**Data in this exercise:**
____

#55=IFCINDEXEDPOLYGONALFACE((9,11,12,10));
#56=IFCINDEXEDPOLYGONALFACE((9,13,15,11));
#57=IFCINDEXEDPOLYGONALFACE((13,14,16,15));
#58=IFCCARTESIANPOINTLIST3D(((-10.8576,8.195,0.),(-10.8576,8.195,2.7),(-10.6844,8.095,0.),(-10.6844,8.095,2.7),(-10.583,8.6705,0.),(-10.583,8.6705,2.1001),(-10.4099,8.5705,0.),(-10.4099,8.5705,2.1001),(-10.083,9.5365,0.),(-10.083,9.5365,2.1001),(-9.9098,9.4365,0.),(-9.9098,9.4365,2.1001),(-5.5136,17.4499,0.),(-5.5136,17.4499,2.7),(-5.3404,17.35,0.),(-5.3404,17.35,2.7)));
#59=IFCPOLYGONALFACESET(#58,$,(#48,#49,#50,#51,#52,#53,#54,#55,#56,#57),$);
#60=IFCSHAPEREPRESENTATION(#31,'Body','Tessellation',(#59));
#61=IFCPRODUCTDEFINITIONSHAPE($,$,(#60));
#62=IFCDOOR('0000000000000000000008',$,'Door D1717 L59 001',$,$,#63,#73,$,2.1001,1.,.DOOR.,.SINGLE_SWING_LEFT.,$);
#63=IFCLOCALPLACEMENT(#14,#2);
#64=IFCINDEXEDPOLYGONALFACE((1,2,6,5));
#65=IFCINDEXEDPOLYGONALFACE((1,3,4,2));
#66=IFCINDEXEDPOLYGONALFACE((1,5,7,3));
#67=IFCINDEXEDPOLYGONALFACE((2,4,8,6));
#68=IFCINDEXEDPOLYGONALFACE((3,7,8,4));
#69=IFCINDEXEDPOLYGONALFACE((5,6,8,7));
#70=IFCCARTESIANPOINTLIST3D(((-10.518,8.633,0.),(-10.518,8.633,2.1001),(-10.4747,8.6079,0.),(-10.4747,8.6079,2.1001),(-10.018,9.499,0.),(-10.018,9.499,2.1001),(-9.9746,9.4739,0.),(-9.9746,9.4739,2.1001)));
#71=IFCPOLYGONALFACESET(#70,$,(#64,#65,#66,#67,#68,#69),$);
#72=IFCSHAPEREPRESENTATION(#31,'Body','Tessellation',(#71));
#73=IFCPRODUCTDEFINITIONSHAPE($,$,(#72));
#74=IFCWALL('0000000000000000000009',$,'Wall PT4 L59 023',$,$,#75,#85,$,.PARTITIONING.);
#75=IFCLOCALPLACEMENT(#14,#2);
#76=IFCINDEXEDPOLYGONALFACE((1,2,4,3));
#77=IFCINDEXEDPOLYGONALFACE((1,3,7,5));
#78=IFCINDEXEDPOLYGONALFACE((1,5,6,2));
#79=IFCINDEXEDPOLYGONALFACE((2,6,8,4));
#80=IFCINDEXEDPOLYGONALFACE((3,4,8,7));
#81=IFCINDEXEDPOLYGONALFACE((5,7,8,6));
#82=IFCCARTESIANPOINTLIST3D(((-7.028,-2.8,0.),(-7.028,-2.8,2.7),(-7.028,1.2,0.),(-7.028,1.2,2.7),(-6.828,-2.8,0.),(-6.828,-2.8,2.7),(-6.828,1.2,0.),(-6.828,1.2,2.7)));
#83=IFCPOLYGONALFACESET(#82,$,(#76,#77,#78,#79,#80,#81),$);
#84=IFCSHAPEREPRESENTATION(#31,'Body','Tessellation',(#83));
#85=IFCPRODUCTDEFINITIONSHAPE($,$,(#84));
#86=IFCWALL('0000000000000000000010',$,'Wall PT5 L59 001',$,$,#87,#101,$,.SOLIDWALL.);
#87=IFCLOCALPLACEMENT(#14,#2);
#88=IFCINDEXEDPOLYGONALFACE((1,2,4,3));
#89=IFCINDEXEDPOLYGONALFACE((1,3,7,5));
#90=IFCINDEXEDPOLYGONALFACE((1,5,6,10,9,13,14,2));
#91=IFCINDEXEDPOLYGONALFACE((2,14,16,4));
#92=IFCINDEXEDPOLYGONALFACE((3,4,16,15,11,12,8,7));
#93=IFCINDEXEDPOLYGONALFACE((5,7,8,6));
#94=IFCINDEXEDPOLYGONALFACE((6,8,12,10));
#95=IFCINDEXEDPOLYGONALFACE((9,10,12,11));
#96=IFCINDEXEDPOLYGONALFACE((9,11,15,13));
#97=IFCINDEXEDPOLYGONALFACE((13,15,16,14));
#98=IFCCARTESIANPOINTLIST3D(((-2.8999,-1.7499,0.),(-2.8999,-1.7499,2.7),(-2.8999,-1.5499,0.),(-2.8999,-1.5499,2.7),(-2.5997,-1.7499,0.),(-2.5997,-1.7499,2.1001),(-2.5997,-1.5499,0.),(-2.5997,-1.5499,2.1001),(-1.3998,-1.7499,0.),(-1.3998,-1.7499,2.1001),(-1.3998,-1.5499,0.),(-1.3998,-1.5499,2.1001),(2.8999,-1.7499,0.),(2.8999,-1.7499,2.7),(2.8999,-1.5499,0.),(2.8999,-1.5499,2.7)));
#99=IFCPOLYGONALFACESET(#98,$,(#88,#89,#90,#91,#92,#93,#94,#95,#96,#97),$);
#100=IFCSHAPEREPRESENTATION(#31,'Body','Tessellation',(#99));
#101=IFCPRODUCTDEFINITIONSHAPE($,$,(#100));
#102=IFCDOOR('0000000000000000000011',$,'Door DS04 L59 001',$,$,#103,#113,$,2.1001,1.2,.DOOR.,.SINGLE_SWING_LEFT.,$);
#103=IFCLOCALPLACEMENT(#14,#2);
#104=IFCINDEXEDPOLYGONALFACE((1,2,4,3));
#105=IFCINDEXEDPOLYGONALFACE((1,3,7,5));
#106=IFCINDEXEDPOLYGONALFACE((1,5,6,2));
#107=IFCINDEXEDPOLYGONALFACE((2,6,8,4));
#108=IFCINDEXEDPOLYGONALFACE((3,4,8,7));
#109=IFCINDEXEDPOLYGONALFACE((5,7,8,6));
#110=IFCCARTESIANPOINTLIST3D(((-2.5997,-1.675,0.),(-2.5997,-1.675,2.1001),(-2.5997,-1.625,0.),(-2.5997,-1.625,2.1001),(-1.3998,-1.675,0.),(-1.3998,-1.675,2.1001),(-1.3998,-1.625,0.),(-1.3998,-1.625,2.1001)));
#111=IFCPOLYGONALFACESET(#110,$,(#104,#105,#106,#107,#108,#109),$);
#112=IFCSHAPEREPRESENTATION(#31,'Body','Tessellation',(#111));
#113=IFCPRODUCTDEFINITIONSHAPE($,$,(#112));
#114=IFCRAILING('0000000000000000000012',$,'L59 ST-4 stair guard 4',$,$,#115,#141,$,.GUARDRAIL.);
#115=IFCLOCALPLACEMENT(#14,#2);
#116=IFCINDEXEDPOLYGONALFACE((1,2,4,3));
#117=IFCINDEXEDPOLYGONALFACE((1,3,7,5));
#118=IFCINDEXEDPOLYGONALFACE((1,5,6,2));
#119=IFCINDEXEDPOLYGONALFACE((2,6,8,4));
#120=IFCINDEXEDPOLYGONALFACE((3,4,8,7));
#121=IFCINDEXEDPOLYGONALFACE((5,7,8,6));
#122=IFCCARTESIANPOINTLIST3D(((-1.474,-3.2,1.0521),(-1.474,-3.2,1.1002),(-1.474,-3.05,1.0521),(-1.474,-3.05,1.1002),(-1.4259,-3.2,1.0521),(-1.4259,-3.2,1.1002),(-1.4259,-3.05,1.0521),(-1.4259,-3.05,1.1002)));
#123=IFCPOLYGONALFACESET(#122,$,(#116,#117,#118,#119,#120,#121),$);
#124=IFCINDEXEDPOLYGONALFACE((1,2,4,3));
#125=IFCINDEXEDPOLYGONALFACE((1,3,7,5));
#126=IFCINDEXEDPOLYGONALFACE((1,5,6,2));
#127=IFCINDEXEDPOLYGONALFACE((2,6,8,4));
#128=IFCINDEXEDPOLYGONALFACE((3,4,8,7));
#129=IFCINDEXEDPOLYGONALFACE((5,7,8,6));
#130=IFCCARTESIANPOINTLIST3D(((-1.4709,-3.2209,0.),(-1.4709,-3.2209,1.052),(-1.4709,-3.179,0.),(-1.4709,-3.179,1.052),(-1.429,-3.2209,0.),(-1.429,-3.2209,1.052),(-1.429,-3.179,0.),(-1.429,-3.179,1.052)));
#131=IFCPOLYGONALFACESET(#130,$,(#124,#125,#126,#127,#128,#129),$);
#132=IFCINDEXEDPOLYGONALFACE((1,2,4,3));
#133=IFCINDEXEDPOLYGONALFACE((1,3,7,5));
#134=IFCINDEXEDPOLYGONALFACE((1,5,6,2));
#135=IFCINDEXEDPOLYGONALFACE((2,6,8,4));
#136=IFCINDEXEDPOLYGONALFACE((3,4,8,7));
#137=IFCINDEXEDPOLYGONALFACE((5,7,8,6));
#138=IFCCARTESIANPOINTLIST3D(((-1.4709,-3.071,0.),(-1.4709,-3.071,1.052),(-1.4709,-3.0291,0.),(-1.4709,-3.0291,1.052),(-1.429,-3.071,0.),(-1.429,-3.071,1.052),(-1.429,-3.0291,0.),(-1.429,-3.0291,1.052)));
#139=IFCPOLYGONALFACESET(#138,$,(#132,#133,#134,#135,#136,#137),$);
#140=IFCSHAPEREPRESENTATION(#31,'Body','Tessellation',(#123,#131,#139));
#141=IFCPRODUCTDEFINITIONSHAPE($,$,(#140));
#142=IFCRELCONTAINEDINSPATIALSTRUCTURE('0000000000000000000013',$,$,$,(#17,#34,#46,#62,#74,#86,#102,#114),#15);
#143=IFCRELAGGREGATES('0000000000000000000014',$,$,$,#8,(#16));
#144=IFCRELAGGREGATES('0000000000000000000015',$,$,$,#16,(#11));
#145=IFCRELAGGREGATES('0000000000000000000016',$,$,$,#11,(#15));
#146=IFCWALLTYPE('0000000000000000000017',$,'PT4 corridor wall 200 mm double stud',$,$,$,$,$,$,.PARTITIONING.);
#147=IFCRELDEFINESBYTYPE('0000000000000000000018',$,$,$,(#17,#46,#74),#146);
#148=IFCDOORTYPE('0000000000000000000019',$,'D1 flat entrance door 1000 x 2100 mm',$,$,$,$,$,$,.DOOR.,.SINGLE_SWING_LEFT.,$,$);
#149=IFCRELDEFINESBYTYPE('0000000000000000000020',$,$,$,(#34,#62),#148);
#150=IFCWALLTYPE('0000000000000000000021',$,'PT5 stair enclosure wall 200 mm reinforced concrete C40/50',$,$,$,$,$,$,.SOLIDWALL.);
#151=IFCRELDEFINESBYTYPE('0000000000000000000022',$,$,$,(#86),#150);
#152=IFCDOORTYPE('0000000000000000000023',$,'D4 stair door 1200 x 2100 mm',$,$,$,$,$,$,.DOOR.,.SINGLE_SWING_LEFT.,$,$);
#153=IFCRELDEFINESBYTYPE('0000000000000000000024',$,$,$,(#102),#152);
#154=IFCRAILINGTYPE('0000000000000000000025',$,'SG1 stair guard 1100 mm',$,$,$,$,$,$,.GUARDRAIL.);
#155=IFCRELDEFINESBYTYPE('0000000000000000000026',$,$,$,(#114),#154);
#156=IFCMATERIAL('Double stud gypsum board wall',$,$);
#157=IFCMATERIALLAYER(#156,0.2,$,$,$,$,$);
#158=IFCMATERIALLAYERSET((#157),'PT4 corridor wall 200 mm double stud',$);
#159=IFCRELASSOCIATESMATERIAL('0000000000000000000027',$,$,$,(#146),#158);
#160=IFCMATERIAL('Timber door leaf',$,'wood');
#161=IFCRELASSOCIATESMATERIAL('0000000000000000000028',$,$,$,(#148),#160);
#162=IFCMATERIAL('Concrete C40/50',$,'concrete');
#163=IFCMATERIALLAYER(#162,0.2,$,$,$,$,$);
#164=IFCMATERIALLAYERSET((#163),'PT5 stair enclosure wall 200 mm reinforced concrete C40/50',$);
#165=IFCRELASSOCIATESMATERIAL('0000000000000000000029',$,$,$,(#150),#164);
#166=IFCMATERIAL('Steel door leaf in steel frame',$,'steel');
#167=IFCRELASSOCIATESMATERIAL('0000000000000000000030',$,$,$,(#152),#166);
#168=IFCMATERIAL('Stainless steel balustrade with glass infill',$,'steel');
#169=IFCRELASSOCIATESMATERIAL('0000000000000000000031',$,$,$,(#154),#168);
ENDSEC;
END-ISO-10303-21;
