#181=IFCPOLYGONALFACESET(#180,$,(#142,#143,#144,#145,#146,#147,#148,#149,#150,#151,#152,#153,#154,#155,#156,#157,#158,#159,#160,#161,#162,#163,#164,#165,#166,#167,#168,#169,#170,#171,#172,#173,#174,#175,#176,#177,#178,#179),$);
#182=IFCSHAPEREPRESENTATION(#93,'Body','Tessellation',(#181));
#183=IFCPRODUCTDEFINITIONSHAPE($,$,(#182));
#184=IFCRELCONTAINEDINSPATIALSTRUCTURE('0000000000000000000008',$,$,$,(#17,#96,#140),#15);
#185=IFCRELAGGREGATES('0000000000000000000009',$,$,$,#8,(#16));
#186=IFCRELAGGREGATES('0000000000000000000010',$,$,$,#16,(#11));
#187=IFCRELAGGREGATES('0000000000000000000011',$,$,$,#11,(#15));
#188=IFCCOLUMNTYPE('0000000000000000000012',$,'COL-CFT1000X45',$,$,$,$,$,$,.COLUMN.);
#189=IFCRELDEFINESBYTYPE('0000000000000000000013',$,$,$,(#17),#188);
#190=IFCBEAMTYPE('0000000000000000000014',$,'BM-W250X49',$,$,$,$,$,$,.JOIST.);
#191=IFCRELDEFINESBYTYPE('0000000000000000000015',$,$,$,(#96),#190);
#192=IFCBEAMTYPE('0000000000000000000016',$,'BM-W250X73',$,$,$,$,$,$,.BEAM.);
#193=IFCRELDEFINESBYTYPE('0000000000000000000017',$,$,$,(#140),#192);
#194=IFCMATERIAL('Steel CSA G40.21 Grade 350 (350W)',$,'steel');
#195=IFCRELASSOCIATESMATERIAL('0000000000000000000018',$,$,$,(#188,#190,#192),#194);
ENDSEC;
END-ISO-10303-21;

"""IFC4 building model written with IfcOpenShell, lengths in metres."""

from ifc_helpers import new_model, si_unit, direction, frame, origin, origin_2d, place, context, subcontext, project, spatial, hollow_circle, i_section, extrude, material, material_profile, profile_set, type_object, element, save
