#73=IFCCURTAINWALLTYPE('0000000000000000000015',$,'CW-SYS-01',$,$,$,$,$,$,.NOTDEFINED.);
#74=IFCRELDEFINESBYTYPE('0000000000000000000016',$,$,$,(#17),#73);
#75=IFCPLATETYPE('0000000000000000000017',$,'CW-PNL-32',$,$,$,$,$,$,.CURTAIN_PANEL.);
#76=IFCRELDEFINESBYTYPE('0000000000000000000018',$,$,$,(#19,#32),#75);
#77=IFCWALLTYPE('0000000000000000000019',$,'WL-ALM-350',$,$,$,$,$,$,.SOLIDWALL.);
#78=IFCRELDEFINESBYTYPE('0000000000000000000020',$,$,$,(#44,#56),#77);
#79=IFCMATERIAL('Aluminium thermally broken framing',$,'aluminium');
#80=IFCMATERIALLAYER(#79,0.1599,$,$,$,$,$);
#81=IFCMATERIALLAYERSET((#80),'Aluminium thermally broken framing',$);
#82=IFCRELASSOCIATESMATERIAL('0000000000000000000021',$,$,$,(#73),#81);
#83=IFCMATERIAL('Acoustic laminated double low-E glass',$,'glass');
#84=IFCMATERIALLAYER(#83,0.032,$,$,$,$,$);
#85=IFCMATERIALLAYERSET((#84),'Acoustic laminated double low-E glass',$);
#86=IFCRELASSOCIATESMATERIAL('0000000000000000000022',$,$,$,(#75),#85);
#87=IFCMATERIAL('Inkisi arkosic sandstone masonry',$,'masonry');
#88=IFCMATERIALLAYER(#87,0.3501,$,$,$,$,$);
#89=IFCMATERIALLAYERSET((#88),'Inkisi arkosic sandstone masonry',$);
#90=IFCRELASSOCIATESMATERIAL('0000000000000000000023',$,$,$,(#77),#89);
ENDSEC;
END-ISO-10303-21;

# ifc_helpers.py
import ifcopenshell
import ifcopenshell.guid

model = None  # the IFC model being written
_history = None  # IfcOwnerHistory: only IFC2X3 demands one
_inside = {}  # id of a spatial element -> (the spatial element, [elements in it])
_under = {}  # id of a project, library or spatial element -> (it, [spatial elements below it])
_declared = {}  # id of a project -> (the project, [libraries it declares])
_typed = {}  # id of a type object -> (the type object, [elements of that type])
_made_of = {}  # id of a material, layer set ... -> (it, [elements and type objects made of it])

____

Restate word for word the entries above, starting at the line with "#88=IFCINDEXEDPOLYGONALFACE((1,2,4,3));" and ending at the line with "#95=IFCINDEXEDPOLYGONALFACE((9,10,12,11));", inclusive, and no others.

#88=IFCINDEXEDPOLYGONALFACE((1,2,4,3));
#89=IFCINDEXEDPOLYGONALFACE((1,3,7,5));
#90=IFCINDEXEDPOLYGONALFACE((1,5,6,10,9,13,14,2));
#91=IFCINDEXEDPOLYGONALFACE((2,14,16,4));
#92=IFCINDEXEDPOLYGONALFACE((3,4,16,15,11,12,8,7));
#93=IFCINDEXEDPOLYGONALFACE((5,7,8,6));
#94=IFCINDEXEDPOLYGONALFACE((6,8,12,10));
#95=IFCINDEXEDPOLYGONALFACE((9,10,12,11));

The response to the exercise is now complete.